Work to complete
Locate each line below that includes "Partition" and reproduce it.

Provided information
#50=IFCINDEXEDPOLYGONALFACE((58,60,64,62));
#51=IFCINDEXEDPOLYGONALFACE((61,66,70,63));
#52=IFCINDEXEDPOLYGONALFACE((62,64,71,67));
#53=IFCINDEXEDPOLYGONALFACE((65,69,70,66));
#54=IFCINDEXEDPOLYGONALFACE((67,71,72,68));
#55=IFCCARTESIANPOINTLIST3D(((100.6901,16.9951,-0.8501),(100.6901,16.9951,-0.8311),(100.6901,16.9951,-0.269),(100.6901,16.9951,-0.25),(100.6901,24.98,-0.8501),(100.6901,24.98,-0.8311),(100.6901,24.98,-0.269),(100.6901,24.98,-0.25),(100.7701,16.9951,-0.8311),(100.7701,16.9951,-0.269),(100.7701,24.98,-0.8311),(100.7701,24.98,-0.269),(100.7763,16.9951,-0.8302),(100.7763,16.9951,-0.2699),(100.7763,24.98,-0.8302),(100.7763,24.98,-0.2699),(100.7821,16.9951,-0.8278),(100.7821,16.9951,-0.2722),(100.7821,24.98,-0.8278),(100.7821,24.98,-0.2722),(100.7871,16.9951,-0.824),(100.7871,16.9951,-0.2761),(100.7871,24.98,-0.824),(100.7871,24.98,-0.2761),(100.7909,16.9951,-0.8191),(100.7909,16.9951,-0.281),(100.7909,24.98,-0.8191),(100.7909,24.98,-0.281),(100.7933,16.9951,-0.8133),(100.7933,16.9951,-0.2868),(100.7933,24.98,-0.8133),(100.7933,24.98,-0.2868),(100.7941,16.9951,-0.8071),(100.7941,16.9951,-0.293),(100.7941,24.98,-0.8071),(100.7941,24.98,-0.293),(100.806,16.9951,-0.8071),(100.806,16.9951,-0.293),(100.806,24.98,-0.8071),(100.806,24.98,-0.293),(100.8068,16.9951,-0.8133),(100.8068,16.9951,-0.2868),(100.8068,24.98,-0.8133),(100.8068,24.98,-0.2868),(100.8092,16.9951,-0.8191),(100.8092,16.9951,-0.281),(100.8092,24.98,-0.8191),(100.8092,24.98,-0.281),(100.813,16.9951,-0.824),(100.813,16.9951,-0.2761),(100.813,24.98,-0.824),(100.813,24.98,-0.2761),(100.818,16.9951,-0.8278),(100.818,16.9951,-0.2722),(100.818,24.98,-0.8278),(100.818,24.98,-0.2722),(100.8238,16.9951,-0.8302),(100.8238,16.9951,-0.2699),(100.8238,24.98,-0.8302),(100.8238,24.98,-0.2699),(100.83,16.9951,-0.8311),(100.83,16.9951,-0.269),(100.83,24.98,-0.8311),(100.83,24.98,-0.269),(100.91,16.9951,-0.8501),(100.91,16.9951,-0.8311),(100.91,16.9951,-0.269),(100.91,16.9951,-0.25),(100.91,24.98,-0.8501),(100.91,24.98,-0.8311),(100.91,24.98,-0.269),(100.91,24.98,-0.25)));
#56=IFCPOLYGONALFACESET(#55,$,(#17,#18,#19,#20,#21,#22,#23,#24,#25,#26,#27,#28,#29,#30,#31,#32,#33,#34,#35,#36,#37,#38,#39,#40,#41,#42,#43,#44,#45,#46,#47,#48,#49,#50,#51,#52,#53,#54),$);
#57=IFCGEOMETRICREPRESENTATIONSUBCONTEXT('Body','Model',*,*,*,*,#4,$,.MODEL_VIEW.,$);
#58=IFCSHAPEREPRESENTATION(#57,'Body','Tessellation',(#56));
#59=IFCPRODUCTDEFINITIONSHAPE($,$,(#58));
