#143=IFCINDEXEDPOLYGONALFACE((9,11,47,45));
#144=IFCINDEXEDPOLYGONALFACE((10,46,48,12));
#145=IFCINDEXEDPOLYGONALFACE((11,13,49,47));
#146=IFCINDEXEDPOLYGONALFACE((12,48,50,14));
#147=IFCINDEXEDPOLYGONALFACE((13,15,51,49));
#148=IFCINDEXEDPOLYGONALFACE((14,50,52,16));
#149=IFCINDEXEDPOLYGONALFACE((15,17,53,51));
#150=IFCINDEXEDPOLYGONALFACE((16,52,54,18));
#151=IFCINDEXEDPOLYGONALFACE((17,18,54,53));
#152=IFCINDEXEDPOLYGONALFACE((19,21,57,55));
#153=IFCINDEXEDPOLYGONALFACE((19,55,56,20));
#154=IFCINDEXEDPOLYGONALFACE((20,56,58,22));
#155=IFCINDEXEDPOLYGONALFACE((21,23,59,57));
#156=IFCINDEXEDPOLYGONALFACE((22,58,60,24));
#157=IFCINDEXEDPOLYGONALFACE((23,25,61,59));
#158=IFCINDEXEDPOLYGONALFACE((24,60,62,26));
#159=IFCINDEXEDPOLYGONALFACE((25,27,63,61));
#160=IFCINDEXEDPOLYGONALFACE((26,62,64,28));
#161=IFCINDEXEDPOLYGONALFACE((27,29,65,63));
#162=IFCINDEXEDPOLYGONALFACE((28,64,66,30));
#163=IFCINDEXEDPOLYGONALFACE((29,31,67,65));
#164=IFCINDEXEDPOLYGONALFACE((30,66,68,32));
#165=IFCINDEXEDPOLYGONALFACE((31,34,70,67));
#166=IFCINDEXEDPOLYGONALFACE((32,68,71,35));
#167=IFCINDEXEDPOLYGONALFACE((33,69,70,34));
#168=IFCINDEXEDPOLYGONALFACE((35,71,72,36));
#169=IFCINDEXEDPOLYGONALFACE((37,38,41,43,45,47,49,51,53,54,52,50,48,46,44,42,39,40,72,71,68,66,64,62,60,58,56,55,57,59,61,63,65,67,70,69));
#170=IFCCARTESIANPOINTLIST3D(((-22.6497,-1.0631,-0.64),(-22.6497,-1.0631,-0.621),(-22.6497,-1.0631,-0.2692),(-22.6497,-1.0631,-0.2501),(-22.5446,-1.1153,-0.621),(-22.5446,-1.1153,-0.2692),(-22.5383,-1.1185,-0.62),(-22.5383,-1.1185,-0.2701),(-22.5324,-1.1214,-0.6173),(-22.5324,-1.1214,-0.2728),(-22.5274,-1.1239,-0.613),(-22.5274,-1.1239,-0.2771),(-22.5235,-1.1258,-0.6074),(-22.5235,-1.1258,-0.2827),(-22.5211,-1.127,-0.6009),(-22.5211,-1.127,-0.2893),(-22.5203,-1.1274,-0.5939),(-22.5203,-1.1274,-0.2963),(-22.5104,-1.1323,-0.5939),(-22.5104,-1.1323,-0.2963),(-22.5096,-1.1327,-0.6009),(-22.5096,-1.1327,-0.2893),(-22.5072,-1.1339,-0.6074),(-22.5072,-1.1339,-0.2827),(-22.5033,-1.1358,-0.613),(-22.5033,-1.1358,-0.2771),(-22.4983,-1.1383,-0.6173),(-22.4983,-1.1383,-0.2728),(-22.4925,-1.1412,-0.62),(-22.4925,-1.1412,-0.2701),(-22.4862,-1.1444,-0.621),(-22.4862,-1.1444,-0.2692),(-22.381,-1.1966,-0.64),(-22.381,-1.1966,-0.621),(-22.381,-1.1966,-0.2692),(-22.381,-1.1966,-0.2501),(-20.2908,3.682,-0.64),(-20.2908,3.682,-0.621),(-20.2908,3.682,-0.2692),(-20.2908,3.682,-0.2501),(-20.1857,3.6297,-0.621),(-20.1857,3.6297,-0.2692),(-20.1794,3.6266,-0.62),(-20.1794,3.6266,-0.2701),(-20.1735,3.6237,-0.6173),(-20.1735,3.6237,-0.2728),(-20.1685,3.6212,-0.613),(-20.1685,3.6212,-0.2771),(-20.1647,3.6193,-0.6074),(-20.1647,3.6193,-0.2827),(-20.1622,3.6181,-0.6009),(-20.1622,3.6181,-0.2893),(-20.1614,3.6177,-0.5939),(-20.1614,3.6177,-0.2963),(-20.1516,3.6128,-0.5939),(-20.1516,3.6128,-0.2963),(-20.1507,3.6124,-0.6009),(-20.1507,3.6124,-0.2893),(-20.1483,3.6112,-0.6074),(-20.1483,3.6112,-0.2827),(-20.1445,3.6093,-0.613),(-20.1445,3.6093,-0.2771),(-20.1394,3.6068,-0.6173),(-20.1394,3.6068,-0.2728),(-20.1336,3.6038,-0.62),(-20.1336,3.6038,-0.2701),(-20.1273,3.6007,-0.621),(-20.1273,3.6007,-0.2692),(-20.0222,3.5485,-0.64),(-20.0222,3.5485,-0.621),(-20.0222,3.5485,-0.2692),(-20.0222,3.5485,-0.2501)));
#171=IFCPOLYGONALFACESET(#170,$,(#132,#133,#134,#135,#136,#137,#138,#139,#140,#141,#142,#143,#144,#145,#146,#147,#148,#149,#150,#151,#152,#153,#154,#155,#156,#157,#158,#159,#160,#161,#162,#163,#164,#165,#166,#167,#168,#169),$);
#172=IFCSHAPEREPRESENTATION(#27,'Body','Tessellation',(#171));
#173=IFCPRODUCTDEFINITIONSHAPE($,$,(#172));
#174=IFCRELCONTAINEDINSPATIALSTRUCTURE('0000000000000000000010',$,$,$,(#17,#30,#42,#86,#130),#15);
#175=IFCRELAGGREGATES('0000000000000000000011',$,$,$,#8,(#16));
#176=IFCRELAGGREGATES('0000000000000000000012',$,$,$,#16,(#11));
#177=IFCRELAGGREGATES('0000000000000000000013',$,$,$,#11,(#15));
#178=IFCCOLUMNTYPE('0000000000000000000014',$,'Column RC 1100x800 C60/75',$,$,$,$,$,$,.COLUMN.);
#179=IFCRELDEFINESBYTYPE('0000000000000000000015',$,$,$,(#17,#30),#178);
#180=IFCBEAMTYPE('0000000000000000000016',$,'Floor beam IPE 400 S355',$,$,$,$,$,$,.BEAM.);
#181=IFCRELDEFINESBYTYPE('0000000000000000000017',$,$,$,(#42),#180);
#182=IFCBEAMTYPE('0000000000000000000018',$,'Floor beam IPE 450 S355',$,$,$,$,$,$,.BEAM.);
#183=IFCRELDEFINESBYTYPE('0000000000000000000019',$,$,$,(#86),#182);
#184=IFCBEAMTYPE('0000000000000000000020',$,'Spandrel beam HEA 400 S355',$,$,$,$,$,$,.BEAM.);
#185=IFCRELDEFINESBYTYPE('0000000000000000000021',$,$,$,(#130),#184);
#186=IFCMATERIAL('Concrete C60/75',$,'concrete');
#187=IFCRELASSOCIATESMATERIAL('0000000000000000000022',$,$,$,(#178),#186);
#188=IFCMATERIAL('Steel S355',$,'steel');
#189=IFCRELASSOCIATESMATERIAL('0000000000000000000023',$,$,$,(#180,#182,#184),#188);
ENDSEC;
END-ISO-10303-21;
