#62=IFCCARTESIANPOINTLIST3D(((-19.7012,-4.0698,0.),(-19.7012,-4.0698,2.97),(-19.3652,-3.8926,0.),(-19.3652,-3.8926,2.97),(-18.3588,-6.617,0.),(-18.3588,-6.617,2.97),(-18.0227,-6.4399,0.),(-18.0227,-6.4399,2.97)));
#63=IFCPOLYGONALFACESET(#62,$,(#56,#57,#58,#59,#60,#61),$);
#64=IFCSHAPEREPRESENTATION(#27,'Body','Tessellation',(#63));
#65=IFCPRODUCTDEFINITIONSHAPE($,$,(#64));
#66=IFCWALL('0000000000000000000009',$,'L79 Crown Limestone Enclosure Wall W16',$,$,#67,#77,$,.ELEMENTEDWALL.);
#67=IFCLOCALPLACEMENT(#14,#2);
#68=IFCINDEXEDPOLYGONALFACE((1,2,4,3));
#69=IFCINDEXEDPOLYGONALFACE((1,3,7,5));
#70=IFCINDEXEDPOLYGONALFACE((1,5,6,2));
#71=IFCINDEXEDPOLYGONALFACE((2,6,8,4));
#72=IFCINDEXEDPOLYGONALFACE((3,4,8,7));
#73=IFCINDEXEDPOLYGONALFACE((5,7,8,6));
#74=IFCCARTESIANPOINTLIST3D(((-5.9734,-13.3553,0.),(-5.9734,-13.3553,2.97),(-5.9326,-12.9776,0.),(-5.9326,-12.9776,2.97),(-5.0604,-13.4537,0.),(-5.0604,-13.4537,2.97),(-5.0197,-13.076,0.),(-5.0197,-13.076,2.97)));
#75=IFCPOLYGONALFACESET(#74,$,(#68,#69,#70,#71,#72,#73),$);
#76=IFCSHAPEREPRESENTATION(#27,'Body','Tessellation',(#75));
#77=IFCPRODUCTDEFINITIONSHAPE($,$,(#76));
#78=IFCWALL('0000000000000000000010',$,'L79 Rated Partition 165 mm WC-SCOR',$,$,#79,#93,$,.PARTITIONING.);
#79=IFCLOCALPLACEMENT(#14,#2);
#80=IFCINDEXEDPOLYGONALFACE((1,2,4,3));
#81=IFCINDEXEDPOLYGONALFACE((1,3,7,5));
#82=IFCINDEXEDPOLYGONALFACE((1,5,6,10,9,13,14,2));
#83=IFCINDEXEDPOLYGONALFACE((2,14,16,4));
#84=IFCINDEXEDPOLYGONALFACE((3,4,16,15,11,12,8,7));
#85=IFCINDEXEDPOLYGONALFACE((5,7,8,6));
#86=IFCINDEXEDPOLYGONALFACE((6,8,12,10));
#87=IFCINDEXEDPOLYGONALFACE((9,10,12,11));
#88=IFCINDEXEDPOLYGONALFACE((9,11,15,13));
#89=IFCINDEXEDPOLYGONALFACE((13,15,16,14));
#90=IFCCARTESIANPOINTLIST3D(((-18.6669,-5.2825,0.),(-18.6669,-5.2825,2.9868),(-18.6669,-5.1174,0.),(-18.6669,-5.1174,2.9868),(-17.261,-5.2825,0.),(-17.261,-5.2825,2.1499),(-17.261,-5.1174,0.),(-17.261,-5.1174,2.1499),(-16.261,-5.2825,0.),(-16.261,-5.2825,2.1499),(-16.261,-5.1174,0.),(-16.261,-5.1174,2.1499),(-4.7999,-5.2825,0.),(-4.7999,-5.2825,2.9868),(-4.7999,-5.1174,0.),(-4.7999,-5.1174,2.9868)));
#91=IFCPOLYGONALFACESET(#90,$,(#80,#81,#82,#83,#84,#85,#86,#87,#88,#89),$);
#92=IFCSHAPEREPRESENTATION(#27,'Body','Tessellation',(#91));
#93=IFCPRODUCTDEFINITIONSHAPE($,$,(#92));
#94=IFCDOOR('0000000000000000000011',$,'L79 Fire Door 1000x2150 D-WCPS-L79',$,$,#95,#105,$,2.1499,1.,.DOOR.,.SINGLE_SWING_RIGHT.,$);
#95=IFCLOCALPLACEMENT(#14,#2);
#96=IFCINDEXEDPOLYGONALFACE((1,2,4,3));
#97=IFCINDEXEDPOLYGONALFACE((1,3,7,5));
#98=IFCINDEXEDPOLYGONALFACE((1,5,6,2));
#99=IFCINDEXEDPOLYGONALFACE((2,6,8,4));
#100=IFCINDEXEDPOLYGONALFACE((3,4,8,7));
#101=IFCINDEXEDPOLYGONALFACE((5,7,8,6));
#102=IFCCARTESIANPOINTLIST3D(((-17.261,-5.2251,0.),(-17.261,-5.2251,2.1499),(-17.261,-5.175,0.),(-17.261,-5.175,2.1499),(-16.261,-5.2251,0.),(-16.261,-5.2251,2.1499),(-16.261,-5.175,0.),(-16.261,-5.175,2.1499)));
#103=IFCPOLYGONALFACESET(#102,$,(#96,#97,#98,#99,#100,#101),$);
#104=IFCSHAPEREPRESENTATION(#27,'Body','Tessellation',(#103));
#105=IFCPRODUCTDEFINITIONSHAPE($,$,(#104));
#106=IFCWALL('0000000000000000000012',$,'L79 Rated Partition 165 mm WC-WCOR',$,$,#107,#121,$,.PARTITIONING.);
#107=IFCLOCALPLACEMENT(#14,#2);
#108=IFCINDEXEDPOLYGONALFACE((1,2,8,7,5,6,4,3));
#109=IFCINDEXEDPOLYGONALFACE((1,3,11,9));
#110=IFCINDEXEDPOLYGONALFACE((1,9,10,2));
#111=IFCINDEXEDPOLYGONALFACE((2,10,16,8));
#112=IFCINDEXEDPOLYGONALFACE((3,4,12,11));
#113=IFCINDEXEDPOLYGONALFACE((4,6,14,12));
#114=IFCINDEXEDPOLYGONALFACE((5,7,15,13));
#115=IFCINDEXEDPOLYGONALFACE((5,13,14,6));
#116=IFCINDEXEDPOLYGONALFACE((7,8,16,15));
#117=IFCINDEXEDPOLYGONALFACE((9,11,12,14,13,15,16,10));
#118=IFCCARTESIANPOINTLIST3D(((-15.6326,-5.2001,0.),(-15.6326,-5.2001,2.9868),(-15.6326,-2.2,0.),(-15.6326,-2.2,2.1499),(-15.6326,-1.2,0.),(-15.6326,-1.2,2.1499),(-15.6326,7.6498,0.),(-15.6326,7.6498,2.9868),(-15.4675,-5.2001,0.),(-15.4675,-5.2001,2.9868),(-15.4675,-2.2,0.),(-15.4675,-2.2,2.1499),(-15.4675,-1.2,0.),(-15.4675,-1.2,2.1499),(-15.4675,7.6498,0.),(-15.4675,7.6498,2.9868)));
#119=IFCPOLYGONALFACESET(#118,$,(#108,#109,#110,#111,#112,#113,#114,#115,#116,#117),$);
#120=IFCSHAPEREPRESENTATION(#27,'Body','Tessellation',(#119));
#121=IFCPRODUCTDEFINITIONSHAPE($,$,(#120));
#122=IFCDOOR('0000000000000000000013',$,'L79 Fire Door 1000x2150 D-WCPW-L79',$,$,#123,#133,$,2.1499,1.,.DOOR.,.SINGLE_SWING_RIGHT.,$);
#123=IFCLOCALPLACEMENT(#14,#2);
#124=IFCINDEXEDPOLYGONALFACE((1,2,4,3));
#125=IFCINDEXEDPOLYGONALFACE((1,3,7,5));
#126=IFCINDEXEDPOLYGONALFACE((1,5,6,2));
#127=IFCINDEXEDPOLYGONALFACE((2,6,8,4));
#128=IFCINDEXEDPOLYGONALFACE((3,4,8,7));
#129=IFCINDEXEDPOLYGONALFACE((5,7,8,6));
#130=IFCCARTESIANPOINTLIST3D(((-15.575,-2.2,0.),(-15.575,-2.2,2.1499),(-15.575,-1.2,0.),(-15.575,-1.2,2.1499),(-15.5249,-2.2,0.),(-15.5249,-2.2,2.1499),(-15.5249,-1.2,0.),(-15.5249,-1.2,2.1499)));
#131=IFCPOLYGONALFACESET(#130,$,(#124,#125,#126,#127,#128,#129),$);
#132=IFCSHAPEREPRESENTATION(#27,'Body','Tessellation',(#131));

Solution to this problem
#78=IFCWALL('0000000000000000000010',$,'L79 Rated Partition 165 mm WC-SCOR',$,$,#79,#93,$,.PARTITIONING.);
#106=IFCWALL('0000000000000000000012',$,'L79 Rated Partition 165 mm WC-WCOR',$,$,#107,#121,$,.PARTITIONING.);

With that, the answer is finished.